[[ Supplied material open ]]
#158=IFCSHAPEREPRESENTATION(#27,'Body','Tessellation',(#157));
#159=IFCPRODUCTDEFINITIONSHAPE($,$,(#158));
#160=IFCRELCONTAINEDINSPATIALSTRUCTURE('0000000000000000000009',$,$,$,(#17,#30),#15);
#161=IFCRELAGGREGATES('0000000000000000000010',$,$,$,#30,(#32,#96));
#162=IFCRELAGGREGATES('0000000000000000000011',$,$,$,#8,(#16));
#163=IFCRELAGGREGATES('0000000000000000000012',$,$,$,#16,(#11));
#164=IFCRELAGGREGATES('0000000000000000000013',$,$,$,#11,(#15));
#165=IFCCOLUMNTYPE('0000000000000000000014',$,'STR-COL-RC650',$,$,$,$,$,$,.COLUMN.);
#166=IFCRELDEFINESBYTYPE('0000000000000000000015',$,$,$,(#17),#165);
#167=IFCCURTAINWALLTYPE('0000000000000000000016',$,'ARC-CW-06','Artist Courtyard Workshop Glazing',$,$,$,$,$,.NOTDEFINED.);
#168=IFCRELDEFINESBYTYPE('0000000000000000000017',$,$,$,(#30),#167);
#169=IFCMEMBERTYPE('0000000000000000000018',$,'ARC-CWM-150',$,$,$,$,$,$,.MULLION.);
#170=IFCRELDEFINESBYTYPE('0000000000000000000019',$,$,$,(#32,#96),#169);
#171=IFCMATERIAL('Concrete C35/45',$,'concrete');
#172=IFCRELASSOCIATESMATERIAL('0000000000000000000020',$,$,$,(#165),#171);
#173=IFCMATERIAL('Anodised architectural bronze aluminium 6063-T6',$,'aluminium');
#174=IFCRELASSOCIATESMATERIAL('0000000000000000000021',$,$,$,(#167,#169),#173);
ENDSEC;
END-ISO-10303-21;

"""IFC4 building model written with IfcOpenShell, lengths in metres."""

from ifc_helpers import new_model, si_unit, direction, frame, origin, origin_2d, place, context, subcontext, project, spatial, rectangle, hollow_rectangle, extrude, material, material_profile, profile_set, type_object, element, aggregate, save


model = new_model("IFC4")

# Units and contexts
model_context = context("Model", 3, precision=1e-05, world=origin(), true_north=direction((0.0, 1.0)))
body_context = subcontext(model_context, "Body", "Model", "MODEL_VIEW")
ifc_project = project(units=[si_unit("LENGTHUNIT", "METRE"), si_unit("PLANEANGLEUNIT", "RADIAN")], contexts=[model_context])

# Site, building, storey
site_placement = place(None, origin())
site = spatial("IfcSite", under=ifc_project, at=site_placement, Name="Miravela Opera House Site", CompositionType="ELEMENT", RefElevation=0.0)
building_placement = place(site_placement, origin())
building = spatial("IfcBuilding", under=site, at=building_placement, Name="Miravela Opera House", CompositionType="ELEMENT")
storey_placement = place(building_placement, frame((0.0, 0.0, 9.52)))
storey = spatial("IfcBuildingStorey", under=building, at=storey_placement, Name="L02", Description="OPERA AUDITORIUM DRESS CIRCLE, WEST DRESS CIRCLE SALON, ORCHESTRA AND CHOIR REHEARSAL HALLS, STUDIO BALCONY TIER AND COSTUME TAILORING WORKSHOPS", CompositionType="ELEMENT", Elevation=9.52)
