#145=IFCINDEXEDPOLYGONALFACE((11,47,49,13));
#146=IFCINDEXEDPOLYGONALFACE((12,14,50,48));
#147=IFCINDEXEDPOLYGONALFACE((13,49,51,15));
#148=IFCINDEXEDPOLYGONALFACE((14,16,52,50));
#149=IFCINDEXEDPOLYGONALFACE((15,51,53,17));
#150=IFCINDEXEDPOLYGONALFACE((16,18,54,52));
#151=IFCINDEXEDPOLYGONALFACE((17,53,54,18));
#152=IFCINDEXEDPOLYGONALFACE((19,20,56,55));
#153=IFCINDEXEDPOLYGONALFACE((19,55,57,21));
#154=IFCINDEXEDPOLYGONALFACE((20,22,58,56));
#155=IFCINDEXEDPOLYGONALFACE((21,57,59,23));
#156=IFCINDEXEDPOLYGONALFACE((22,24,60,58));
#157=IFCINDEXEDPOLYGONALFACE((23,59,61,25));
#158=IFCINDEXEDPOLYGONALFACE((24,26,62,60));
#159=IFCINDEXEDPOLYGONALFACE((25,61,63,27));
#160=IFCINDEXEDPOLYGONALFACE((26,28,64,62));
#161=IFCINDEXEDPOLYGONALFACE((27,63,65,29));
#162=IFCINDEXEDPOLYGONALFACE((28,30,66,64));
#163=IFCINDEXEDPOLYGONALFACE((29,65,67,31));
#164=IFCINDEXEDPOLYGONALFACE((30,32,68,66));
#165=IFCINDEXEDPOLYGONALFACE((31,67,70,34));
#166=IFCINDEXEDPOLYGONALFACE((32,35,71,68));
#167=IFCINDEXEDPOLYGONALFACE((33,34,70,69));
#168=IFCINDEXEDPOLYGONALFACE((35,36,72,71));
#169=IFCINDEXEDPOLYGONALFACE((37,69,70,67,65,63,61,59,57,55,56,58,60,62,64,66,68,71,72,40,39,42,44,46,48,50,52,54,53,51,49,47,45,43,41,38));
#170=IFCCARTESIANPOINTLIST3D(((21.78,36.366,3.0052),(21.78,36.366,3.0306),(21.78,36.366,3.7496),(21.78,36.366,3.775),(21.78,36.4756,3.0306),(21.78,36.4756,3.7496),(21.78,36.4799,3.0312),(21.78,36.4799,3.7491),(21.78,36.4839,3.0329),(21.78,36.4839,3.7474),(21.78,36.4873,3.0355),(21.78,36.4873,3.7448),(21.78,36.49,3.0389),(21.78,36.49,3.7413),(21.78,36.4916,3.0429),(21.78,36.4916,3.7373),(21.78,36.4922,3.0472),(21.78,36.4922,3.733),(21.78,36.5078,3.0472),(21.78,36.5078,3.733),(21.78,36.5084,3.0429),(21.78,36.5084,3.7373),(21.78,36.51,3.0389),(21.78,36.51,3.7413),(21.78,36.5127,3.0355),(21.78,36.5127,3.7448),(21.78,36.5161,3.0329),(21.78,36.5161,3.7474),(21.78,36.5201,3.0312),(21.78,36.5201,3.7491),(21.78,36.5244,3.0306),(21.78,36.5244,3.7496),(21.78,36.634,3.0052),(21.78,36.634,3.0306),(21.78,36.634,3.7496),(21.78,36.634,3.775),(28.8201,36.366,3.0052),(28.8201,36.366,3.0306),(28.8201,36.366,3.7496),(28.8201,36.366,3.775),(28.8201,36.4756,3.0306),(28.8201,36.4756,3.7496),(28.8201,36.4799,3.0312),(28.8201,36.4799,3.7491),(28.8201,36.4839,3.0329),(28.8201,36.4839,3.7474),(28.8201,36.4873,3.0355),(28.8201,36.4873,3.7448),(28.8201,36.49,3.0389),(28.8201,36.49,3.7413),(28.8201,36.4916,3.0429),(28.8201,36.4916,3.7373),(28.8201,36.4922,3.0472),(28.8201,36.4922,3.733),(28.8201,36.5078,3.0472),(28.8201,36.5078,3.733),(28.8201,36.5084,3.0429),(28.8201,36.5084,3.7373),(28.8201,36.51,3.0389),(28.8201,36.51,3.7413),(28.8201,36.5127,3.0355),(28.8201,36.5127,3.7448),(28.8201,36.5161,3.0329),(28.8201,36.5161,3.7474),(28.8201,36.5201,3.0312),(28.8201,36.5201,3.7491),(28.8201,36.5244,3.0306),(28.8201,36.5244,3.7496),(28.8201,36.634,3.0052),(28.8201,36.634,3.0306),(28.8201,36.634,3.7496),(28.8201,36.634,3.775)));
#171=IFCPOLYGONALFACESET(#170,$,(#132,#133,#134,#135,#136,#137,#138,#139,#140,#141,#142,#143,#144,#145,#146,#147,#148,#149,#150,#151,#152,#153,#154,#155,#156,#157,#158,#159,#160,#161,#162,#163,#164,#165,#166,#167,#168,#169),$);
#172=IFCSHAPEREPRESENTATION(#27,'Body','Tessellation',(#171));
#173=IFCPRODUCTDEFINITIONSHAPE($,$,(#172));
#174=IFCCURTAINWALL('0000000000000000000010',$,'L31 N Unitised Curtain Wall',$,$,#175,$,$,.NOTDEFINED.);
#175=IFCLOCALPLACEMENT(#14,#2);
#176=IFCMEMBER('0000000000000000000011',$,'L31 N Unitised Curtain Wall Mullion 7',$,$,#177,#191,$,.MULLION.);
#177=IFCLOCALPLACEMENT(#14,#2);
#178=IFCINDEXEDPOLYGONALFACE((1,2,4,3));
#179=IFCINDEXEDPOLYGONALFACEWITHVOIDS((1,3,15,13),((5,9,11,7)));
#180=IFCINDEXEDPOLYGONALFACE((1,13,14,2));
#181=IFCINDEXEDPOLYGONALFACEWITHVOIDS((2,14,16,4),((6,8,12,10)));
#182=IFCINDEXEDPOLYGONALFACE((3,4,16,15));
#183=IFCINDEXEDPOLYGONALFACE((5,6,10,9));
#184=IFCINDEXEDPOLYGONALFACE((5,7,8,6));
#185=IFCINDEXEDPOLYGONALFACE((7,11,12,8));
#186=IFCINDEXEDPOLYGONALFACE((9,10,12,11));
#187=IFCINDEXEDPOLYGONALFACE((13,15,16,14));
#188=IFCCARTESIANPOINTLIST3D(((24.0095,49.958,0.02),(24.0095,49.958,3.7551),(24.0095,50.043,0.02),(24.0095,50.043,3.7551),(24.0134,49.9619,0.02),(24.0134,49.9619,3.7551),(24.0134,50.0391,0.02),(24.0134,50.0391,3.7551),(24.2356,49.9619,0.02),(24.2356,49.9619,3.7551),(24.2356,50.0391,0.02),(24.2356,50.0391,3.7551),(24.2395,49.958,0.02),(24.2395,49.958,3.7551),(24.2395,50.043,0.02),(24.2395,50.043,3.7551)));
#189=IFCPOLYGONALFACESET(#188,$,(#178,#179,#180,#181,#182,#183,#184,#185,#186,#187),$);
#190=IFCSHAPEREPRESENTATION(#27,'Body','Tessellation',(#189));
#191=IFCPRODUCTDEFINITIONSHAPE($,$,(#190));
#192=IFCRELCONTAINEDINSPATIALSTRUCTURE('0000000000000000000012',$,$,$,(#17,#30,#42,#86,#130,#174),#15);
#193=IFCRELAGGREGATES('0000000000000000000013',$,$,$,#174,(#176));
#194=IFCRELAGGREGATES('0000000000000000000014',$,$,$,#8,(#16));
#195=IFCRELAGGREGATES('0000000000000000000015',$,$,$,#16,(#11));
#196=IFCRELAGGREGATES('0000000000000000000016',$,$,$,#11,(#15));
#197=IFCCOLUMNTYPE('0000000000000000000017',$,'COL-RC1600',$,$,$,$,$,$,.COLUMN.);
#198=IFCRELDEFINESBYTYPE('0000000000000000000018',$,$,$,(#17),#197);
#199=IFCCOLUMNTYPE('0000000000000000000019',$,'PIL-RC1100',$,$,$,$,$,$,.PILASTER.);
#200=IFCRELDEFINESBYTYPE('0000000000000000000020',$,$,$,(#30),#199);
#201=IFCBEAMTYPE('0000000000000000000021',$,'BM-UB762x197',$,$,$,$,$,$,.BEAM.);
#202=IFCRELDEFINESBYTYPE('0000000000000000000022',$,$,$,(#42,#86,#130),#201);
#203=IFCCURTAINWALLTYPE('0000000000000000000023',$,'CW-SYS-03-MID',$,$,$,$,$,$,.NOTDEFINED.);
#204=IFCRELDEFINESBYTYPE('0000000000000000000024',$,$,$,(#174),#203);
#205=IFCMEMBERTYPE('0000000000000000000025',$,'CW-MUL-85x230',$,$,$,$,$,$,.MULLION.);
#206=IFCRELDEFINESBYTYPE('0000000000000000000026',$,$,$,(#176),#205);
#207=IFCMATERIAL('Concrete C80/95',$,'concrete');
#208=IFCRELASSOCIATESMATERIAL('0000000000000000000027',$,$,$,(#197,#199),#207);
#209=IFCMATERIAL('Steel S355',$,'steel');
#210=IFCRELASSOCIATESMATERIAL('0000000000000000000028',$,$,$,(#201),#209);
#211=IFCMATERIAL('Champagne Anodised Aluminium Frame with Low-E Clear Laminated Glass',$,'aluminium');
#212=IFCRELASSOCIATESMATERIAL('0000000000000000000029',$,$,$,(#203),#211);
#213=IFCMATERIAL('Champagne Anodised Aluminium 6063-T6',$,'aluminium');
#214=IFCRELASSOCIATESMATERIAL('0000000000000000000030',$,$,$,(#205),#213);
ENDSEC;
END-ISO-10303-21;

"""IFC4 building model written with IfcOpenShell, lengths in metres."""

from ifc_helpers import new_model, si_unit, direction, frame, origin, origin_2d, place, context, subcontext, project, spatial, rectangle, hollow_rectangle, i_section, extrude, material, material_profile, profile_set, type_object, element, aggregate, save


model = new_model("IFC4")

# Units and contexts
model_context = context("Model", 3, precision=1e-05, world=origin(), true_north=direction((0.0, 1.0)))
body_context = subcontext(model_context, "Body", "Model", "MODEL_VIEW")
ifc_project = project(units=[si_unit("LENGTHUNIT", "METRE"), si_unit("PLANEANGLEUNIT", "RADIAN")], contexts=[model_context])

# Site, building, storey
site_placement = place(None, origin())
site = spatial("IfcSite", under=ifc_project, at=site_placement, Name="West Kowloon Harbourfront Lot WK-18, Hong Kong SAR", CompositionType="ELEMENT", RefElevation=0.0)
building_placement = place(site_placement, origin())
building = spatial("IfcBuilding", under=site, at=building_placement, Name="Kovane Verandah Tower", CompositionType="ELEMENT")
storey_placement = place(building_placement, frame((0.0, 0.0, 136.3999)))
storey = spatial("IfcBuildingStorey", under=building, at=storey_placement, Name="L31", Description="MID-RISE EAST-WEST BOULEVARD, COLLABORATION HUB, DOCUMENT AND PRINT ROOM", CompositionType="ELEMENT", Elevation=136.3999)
[[ Supplied material closed ]]
## [Problem to solve]
Among the records above, find each line holding the string "MULLION" and pull it out.

## [Answer section]
#169=IFCMEMBERTYPE('0000000000000000000018',$,'ARC-CWM-150',$,$,$,$,$,$,.MULLION.);
#176=IFCMEMBER('0000000000000000000011',$,'L31 N Unitised Curtain Wall Mullion 7',$,$,#177,#191,$,.MULLION.);
#205=IFCMEMBERTYPE('0000000000000000000025',$,'CW-MUL-85x230',$,$,$,$,$,$,.MULLION.);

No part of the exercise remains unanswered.